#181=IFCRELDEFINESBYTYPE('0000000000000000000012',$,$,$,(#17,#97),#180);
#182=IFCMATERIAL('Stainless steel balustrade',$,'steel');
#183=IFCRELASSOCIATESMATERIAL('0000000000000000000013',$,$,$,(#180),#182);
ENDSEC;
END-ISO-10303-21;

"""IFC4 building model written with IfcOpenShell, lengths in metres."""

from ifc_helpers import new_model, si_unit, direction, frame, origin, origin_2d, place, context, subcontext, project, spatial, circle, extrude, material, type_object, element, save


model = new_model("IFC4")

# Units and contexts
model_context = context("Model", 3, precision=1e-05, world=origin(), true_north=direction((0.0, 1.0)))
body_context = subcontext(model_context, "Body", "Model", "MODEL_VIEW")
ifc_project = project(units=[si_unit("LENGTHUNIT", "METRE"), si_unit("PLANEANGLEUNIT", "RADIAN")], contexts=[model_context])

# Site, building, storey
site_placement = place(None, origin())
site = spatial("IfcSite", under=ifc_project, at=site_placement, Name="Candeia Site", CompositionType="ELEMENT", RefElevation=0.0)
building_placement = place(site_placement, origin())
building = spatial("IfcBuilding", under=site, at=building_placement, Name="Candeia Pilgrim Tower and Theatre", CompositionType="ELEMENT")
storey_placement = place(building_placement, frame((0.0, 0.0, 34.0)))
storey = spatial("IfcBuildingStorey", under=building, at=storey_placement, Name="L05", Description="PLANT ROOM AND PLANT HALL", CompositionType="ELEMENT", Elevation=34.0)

■ What is being asked ■
The records above need to be retyped in full, exactly as they stand.

■ Result of the exercise ■
#181=IFCRELDEFINESBYTYPE('0000000000000000000012',$,$,$,(#17,#97),#180);
#182=IFCMATERIAL('Stainless steel balustrade',$,'steel');
#183=IFCRELASSOCIATESMATERIAL('0000000000000000000013',$,$,$,(#180),#182);
ENDSEC;
END-ISO-10303-21;

"""IFC4 building model written with IfcOpenShell, lengths in metres."""

from ifc_helpers import new_model, si_unit, direction, frame, origin, origin_2d, place, context, subcontext, project, spatial, circle, extrude, material, type_object, element, save


model = new_model("IFC4")

# Units and contexts
model_context = context("Model", 3, precision=1e-05, world=origin(), true_north=direction((0.0, 1.0)))
body_context = subcontext(model_context, "Body", "Model", "MODEL_VIEW")
ifc_project = project(units=[si_unit("LENGTHUNIT", "METRE"), si_unit("PLANEANGLEUNIT", "RADIAN")], contexts=[model_context])

# Site, building, storey
site_placement = place(None, origin())
site = spatial("IfcSite", under=ifc_project, at=site_placement, Name="Candeia Site", CompositionType="ELEMENT", RefElevation=0.0)
building_placement = place(site_placement, origin())
building = spatial("IfcBuilding", under=site, at=building_placement, Name="Candeia Pilgrim Tower and Theatre", CompositionType="ELEMENT")
storey_placement = place(building_placement, frame((0.0, 0.0, 34.0)))
storey = spatial("IfcBuildingStorey", under=building, at=storey_placement, Name="L05", Description="PLANT ROOM AND PLANT HALL", CompositionType="ELEMENT", Elevation=34.0)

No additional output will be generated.